[[ EXCERPTED RECORDS open ]]

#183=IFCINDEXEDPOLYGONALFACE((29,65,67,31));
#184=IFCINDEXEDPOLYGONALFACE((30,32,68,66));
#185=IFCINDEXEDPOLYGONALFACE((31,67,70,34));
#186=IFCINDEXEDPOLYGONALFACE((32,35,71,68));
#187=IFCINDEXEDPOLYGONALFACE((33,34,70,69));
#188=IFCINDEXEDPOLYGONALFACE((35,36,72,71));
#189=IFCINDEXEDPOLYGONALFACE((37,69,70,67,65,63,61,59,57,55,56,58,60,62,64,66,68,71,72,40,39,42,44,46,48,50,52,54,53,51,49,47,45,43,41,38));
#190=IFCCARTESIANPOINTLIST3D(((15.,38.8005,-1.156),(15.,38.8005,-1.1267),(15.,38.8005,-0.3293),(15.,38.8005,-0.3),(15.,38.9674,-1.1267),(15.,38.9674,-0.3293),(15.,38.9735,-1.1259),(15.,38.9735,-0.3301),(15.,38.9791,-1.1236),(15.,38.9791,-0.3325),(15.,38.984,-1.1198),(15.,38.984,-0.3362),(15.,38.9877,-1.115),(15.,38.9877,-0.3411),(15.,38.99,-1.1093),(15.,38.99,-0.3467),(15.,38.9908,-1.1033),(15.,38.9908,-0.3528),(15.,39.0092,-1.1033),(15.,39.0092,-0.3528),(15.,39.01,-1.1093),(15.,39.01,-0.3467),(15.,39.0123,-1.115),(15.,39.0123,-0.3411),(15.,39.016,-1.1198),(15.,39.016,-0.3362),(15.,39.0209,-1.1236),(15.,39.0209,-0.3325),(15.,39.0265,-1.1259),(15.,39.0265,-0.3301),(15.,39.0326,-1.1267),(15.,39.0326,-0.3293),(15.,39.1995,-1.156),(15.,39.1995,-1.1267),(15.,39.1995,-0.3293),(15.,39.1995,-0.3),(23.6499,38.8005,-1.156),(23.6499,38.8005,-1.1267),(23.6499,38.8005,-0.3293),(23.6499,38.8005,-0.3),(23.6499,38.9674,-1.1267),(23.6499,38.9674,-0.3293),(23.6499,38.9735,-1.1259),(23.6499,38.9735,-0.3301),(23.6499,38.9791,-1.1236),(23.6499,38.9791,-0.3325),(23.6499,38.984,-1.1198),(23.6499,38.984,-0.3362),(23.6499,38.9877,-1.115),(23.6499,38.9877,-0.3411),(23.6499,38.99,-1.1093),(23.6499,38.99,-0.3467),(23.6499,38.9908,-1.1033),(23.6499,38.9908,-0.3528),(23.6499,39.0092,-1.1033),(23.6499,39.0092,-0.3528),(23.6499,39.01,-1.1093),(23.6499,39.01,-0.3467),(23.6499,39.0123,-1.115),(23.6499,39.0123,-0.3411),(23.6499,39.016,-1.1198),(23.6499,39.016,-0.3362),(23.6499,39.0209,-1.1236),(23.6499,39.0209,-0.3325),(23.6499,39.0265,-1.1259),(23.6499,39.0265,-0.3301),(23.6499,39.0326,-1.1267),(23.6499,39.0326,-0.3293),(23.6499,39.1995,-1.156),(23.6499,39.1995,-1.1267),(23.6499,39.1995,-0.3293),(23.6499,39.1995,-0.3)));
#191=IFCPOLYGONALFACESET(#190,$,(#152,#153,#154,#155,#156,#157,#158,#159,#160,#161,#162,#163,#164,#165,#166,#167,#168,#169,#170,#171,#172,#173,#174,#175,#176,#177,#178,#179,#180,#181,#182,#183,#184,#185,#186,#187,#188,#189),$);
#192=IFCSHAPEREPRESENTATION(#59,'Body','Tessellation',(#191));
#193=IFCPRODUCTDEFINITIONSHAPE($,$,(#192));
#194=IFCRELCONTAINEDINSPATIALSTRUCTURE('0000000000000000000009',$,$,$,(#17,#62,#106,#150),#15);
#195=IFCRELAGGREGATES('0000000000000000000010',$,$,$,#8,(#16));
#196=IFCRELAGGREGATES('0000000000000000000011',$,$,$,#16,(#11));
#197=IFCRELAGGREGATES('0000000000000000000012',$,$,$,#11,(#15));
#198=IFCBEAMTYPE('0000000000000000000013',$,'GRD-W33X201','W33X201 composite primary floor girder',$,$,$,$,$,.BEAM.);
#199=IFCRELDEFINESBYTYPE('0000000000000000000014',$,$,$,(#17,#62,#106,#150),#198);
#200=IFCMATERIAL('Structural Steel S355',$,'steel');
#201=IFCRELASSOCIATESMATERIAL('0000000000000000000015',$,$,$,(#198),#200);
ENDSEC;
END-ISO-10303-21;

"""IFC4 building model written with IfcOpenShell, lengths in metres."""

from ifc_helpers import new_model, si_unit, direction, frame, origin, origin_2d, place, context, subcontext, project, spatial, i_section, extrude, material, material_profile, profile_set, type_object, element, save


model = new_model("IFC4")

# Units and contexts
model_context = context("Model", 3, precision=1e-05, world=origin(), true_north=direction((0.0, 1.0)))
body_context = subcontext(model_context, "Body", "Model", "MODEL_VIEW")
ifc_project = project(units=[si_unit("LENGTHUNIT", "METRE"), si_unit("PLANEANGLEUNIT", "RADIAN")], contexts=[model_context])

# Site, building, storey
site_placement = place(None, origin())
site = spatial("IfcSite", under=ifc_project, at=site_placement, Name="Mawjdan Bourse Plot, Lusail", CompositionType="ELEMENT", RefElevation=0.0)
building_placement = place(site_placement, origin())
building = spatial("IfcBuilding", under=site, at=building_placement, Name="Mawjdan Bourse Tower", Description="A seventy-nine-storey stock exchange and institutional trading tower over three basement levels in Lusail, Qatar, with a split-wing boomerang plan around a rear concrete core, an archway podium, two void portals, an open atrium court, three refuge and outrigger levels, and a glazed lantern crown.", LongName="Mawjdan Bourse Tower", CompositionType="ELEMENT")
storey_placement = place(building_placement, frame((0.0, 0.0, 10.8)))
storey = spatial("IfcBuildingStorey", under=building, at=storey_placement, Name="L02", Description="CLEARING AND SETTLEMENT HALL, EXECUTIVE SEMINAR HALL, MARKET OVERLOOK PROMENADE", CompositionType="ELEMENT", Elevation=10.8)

[[ EXCERPTED RECORDS closed ]]

**PROBLEM TO SOLVE**. Which lines above contain "with"? Show each of them.

**SOLUTION**.
"""IFC4 building model written with IfcOpenShell, lengths in metres."""
building = spatial("IfcBuilding", under=site, at=building_placement, Name="Mawjdan Bourse Tower", Description="A seventy-nine-storey stock exchange and institutional trading tower over three basement levels in Lusail, Qatar, with a split-wing boomerang plan around a rear concrete core, an archway podium, two void portals, an open atrium court, three refuge and outrigger levels, and a glazed lantern crown.", LongName="Mawjdan Bourse Tower", CompositionType="ELEMENT")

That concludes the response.